Prompt:
Repeat each line of the data exactly as written.

Working data:
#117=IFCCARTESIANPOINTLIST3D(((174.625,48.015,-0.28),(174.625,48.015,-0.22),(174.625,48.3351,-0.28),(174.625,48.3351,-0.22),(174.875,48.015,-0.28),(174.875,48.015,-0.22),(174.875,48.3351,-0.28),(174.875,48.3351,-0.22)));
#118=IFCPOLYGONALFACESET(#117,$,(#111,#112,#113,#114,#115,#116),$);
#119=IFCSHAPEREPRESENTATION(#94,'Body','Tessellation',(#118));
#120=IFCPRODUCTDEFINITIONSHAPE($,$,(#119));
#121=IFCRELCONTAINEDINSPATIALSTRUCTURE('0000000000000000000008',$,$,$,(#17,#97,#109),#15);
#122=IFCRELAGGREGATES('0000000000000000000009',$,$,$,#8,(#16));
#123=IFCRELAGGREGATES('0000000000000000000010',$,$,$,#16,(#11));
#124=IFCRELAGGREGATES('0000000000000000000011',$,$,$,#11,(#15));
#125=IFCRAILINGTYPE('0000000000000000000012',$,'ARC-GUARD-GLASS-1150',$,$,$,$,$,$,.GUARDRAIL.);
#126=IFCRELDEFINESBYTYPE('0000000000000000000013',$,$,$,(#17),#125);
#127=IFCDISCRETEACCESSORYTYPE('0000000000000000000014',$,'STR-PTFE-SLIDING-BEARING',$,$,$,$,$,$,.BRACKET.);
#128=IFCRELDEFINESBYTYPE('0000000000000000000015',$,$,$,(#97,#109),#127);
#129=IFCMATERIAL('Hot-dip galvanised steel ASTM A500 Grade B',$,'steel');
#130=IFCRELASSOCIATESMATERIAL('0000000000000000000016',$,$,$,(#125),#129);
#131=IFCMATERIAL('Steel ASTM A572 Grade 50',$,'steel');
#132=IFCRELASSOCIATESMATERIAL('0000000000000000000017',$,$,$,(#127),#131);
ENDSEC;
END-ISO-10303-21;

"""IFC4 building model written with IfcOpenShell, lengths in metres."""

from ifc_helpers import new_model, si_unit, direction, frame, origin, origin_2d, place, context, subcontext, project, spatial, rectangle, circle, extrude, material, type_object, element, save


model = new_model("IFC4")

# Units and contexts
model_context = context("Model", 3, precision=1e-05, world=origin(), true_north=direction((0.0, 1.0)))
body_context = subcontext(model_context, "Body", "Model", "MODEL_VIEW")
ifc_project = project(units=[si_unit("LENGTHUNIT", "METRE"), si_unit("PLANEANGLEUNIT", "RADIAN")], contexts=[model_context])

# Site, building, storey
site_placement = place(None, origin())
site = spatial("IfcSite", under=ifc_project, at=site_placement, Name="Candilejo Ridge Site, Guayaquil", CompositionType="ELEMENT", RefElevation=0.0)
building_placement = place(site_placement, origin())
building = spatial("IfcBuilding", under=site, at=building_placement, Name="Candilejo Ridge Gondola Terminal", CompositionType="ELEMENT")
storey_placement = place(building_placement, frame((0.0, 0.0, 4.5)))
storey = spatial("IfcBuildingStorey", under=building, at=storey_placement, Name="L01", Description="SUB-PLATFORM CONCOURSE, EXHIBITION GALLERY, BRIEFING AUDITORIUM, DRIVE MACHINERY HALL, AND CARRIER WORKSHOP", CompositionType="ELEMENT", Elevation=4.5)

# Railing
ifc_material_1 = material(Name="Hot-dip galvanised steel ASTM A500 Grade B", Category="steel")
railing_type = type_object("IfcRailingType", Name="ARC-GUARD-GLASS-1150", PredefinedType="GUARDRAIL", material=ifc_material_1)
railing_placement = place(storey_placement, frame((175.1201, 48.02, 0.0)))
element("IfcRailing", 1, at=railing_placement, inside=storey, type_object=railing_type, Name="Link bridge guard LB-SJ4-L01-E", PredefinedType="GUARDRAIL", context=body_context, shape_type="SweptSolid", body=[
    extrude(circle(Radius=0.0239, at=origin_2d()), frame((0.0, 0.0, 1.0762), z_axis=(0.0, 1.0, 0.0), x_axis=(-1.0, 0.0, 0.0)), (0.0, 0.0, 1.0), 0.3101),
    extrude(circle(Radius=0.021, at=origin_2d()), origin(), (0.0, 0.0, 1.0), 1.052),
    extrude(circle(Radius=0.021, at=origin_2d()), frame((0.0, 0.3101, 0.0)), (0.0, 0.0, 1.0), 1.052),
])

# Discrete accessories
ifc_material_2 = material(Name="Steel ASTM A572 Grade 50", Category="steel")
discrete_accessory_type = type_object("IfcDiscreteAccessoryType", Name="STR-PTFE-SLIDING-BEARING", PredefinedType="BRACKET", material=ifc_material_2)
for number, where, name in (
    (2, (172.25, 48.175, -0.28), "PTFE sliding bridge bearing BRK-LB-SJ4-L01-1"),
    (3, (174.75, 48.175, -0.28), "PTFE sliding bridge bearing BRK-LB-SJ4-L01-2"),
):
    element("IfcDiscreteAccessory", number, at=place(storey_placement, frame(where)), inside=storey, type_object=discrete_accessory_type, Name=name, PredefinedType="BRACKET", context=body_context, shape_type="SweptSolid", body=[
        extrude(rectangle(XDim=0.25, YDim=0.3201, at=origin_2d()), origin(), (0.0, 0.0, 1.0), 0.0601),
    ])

Task solution:
#117=IFCCARTESIANPOINTLIST3D(((174.625,48.015,-0.28),(174.625,48.015,-0.22),(174.625,48.3351,-0.28),(174.625,48.3351,-0.22),(174.875,48.015,-0.28),(174.875,48.015,-0.22),(174.875,48.3351,-0.28),(174.875,48.3351,-0.22)));
#118=IFCPOLYGONALFACESET(#117,$,(#111,#112,#113,#114,#115,#116),$);
#119=IFCSHAPEREPRESENTATION(#94,'Body','Tessellation',(#118));
#120=IFCPRODUCTDEFINITIONSHAPE($,$,(#119));
#121=IFCRELCONTAINEDINSPATIALSTRUCTURE('0000000000000000000008',$,$,$,(#17,#97,#109),#15);
#122=IFCRELAGGREGATES('0000000000000000000009',$,$,$,#8,(#16));
#123=IFCRELAGGREGATES('0000000000000000000010',$,$,$,#16,(#11));
#124=IFCRELAGGREGATES('0000000000000000000011',$,$,$,#11,(#15));
#125=IFCRAILINGTYPE('0000000000000000000012',$,'ARC-GUARD-GLASS-1150',$,$,$,$,$,$,.GUARDRAIL.);
#126=IFCRELDEFINESBYTYPE('0000000000000000000013',$,$,$,(#17),#125);
#127=IFCDISCRETEACCESSORYTYPE('0000000000000000000014',$,'STR-PTFE-SLIDING-BEARING',$,$,$,$,$,$,.BRACKET.);
#128=IFCRELDEFINESBYTYPE('0000000000000000000015',$,$,$,(#97,#109),#127);
#129=IFCMATERIAL('Hot-dip galvanised steel ASTM A500 Grade B',$,'steel');
#130=IFCRELASSOCIATESMATERIAL('0000000000000000000016',$,$,$,(#125),#129);
#131=IFCMATERIAL('Steel ASTM A572 Grade 50',$,'steel');
#132=IFCRELASSOCIATESMATERIAL('0000000000000000000017',$,$,$,(#127),#131);
ENDSEC;
END-ISO-10303-21;

"""IFC4 building model written with IfcOpenShell, lengths in metres."""

from ifc_helpers import new_model, si_unit, direction, frame, origin, origin_2d, place, context, subcontext, project, spatial, rectangle, circle, extrude, material, type_object, element, save


model = new_model("IFC4")

# Units and contexts
model_context = context("Model", 3, precision=1e-05, world=origin(), true_north=direction((0.0, 1.0)))
body_context = subcontext(model_context, "Body", "Model", "MODEL_VIEW")
ifc_project = project(units=[si_unit("LENGTHUNIT", "METRE"), si_unit("PLANEANGLEUNIT", "RADIAN")], contexts=[model_context])

# Site, building, storey
site_placement = place(None, origin())
site = spatial("IfcSite", under=ifc_project, at=site_placement, Name="Candilejo Ridge Site, Guayaquil", CompositionType="ELEMENT", RefElevation=0.0)
building_placement = place(site_placement, origin())
building = spatial("IfcBuilding", under=site, at=building_placement, Name="Candilejo Ridge Gondola Terminal", CompositionType="ELEMENT")
storey_placement = place(building_placement, frame((0.0, 0.0, 4.5)))
storey = spatial("IfcBuildingStorey", under=building, at=storey_placement, Name="L01", Description="SUB-PLATFORM CONCOURSE, EXHIBITION GALLERY, BRIEFING AUDITORIUM, DRIVE MACHINERY HALL, AND CARRIER WORKSHOP", CompositionType="ELEMENT", Elevation=4.5)

# Railing
ifc_material_1 = material(Name="Hot-dip galvanised steel ASTM A500 Grade B", Category="steel")
railing_type = type_object("IfcRailingType", Name="ARC-GUARD-GLASS-1150", PredefinedType="GUARDRAIL", material=ifc_material_1)
railing_placement = place(storey_placement, frame((175.1201, 48.02, 0.0)))
element("IfcRailing", 1, at=railing_placement, inside=storey, type_object=railing_type, Name="Link bridge guard LB-SJ4-L01-E", PredefinedType="GUARDRAIL", context=body_context, shape_type="SweptSolid", body=[
    extrude(circle(Radius=0.0239, at=origin_2d()), frame((0.0, 0.0, 1.0762), z_axis=(0.0, 1.0, 0.0), x_axis=(-1.0, 0.0, 0.0)), (0.0, 0.0, 1.0), 0.3101),
    extrude(circle(Radius=0.021, at=origin_2d()), origin(), (0.0, 0.0, 1.0), 1.052),
    extrude(circle(Radius=0.021, at=origin_2d()), frame((0.0, 0.3101, 0.0)), (0.0, 0.0, 1.0), 1.052),
])

# Discrete accessories
ifc_material_2 = material(Name="Steel ASTM A572 Grade 50", Category="steel")
discrete_accessory_type = type_object("IfcDiscreteAccessoryType", Name="STR-PTFE-SLIDING-BEARING", PredefinedType="BRACKET", material=ifc_material_2)
for number, where, name in (
    (2, (172.25, 48.175, -0.28), "PTFE sliding bridge bearing BRK-LB-SJ4-L01-1"),
    (3, (174.75, 48.175, -0.28), "PTFE sliding bridge bearing BRK-LB-SJ4-L01-2"),
):
    element("IfcDiscreteAccessory", number, at=place(storey_placement, frame(where)), inside=storey, type_object=discrete_accessory_type, Name=name, PredefinedType="BRACKET", context=body_context, shape_type="SweptSolid", body=[
        extrude(rectangle(XDim=0.25, YDim=0.3201, at=origin_2d()), origin(), (0.0, 0.0, 1.0), 0.0601),
    ])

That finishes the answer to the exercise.